Saved entries
────────
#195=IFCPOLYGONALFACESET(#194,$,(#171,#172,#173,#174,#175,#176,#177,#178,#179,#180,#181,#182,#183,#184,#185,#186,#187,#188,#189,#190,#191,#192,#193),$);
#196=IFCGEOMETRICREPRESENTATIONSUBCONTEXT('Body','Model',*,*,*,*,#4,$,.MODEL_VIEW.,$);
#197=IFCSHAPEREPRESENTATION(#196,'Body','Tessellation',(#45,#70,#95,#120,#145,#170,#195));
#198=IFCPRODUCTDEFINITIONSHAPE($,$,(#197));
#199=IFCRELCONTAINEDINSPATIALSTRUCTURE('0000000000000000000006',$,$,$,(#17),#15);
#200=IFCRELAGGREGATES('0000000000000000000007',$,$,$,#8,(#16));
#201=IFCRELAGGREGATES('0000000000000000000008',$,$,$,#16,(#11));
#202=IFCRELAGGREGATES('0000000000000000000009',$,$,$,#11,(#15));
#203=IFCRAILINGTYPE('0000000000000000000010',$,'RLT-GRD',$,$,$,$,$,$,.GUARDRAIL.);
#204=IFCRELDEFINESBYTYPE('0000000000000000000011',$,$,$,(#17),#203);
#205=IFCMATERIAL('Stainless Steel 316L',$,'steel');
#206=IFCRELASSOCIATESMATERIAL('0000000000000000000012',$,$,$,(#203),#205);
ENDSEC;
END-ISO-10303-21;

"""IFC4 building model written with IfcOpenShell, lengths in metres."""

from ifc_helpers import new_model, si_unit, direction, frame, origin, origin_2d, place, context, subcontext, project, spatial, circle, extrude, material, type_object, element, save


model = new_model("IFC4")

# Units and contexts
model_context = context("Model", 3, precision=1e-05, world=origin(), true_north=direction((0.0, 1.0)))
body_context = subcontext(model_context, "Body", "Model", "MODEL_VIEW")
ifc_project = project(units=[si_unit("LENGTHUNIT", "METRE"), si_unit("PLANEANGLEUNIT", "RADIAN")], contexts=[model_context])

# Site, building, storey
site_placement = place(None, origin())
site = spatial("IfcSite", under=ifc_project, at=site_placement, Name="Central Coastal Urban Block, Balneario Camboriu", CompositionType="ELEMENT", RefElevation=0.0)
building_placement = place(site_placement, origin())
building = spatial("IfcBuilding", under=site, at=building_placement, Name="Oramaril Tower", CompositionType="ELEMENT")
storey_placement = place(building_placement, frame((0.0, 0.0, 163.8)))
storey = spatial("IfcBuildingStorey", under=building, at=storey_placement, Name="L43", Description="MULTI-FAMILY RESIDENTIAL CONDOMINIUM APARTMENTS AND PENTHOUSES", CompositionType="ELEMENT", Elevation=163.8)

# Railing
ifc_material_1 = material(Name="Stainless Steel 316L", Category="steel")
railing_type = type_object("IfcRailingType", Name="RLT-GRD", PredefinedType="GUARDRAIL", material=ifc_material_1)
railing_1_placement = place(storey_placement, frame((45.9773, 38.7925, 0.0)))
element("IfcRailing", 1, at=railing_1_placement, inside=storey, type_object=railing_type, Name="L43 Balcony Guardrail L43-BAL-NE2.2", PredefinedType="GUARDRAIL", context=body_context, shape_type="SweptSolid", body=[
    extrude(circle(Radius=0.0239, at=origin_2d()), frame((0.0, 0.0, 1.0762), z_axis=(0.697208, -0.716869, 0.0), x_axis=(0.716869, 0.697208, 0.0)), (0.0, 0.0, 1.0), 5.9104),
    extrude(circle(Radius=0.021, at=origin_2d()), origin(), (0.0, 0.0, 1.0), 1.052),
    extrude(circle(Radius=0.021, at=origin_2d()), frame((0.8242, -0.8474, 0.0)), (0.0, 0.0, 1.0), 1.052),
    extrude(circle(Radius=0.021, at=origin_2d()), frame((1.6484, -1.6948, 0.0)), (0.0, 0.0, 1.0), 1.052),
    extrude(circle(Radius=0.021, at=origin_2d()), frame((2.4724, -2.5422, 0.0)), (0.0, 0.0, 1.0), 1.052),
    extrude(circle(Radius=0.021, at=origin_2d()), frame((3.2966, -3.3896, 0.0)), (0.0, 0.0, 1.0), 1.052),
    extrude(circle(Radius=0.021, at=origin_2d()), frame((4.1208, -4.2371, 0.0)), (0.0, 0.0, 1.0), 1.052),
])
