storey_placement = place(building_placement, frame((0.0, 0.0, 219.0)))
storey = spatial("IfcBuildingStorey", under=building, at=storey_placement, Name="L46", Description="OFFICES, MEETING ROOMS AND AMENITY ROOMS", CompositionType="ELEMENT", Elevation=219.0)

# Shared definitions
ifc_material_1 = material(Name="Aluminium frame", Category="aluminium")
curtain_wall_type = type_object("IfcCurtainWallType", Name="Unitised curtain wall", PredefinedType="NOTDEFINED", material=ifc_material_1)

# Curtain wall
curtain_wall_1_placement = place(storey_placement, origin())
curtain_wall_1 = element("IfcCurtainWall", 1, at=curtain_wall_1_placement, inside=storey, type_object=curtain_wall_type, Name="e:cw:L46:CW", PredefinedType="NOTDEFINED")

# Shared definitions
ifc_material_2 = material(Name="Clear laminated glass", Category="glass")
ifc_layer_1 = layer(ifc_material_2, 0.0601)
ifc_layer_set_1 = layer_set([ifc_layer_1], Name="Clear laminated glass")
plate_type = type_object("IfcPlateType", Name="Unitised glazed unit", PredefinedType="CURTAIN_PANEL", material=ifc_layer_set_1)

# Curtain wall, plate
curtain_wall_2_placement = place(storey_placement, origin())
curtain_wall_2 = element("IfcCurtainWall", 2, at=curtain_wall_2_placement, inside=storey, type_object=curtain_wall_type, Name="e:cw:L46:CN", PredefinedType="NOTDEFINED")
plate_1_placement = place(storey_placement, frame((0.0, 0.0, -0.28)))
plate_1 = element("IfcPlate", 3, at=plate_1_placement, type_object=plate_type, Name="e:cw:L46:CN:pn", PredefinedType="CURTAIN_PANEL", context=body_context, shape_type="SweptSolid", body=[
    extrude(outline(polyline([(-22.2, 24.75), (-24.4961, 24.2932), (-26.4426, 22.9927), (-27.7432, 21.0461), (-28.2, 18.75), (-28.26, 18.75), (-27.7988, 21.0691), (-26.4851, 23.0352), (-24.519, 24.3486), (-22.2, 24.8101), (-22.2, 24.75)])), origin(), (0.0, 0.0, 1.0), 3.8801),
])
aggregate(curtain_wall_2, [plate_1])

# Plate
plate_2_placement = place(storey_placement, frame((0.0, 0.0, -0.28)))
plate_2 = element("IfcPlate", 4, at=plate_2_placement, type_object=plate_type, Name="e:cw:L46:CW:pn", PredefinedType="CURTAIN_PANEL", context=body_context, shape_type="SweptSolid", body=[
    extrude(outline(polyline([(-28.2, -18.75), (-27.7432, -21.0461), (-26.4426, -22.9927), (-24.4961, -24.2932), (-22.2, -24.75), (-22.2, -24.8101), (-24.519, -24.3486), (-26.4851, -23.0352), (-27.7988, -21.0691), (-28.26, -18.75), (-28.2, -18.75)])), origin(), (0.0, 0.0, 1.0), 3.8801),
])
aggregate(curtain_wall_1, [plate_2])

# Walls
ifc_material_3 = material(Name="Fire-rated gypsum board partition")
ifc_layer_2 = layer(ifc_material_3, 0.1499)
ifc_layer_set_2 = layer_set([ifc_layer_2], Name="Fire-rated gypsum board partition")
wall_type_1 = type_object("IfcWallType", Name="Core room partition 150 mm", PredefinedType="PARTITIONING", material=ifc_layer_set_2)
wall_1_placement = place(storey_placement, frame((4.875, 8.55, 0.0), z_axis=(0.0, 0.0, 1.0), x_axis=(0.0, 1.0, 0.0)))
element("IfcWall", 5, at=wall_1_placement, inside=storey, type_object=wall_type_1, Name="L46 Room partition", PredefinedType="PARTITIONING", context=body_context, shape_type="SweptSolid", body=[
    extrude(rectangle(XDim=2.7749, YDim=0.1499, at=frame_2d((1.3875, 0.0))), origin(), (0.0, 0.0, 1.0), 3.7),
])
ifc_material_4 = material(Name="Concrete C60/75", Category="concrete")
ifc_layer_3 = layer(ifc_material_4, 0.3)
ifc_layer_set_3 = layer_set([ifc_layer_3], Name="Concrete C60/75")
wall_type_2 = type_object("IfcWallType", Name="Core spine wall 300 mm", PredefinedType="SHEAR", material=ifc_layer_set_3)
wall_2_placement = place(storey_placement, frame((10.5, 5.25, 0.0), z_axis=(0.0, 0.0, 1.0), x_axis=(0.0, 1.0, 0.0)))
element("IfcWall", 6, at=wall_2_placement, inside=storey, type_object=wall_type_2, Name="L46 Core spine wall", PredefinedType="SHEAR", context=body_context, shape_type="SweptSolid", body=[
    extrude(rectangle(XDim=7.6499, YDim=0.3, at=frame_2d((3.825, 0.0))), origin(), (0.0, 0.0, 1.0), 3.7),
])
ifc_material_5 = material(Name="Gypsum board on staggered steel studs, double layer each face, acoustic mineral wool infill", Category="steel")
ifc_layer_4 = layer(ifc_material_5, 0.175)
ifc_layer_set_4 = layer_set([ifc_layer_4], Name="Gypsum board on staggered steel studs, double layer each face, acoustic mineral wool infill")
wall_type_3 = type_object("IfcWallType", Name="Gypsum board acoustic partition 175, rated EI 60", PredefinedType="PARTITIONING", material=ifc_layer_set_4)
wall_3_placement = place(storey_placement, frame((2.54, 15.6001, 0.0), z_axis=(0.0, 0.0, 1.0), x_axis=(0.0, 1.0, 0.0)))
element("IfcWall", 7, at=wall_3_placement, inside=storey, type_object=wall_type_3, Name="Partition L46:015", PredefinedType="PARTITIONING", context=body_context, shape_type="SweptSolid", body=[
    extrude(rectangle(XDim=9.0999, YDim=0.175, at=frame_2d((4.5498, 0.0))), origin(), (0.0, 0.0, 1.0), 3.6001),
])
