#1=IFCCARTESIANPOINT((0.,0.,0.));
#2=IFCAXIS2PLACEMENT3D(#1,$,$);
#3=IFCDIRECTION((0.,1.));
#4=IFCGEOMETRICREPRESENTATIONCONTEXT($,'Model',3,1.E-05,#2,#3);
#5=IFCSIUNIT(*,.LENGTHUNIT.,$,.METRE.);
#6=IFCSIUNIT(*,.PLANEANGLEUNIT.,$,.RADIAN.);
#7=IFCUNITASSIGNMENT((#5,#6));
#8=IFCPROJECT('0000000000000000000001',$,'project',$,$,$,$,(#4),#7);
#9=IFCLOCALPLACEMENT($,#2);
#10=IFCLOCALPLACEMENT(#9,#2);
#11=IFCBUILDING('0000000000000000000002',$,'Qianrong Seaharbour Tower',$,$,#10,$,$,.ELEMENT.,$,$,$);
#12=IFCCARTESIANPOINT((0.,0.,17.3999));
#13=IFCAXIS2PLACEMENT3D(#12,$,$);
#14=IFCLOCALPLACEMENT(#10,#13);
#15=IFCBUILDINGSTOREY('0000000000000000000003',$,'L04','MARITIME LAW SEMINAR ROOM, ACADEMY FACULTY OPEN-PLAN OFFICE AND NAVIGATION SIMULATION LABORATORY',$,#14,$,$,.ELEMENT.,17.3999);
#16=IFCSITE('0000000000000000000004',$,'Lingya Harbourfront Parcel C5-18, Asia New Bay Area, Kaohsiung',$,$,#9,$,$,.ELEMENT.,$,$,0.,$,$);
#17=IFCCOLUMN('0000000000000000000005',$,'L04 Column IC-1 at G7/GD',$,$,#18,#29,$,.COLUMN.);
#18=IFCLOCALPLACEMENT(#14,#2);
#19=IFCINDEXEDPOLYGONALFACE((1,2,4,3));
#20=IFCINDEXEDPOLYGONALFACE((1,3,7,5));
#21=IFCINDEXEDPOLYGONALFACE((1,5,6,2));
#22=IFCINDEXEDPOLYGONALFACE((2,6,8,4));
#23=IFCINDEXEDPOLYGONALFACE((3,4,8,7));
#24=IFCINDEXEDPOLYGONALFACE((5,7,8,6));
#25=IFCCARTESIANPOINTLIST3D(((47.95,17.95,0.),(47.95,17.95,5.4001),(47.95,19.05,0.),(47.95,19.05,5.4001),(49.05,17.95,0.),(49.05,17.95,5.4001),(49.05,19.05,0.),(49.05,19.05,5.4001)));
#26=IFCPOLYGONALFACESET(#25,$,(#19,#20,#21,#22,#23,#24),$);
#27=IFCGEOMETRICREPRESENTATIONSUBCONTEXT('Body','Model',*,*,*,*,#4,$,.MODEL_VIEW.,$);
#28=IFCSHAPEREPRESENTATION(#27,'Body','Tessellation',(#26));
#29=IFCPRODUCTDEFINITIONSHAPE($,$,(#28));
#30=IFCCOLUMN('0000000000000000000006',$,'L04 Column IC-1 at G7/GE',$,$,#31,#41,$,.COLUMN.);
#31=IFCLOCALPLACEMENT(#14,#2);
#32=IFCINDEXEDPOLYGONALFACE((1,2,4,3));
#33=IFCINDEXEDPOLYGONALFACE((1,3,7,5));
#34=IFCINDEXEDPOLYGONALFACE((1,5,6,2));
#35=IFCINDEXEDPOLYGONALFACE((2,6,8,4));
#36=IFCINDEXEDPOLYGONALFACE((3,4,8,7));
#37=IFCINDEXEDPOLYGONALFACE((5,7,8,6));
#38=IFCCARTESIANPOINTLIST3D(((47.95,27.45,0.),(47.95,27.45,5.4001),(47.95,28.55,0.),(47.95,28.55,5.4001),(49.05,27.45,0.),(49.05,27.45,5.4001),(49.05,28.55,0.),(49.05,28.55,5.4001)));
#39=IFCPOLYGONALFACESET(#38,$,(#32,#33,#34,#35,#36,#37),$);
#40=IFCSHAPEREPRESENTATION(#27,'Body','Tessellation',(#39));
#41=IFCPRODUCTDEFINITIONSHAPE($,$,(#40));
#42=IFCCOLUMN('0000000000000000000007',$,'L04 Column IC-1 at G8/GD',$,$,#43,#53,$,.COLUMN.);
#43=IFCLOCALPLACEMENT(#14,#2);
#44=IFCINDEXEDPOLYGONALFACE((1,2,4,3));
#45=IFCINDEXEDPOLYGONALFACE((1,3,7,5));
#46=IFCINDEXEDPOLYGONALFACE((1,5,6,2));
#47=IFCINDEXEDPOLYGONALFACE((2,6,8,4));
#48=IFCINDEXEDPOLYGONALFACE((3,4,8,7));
────────
__ASSIGNMENT__
Could you reproduce exactly the lines of the entries above, from the one with "#3=IFCDIRECTION((0.,1.));" through the one with "#22=IFCINDEXEDPOLYGONALFACE((2,6,8,4));", and nothing else?

__COMPLETED EXERCISE__
#3=IFCDIRECTION((0.,1.));
#4=IFCGEOMETRICREPRESENTATIONCONTEXT($,'Model',3,1.E-05,#2,#3);
#5=IFCSIUNIT(*,.LENGTHUNIT.,$,.METRE.);
#6=IFCSIUNIT(*,.PLANEANGLEUNIT.,$,.RADIAN.);
#7=IFCUNITASSIGNMENT((#5,#6));
#8=IFCPROJECT('0000000000000000000001',$,'project',$,$,$,$,(#4),#7);
#9=IFCLOCALPLACEMENT($,#2);
#10=IFCLOCALPLACEMENT(#9,#2);
#11=IFCBUILDING('0000000000000000000002',$,'Qianrong Seaharbour Tower',$,$,#10,$,$,.ELEMENT.,$,$,$);
#12=IFCCARTESIANPOINT((0.,0.,17.3999));
#13=IFCAXIS2PLACEMENT3D(#12,$,$);
#14=IFCLOCALPLACEMENT(#10,#13);
#15=IFCBUILDINGSTOREY('0000000000000000000003',$,'L04','MARITIME LAW SEMINAR ROOM, ACADEMY FACULTY OPEN-PLAN OFFICE AND NAVIGATION SIMULATION LABORATORY',$,#14,$,$,.ELEMENT.,17.3999);
#16=IFCSITE('0000000000000000000004',$,'Lingya Harbourfront Parcel C5-18, Asia New Bay Area, Kaohsiung',$,$,#9,$,$,.ELEMENT.,$,$,0.,$,$);
#17=IFCCOLUMN('0000000000000000000005',$,'L04 Column IC-1 at G7/GD',$,$,#18,#29,$,.COLUMN.);
#18=IFCLOCALPLACEMENT(#14,#2);
#19=IFCINDEXEDPOLYGONALFACE((1,2,4,3));
#20=IFCINDEXEDPOLYGONALFACE((1,3,7,5));
#21=IFCINDEXEDPOLYGONALFACE((1,5,6,2));
#22=IFCINDEXEDPOLYGONALFACE((2,6,8,4));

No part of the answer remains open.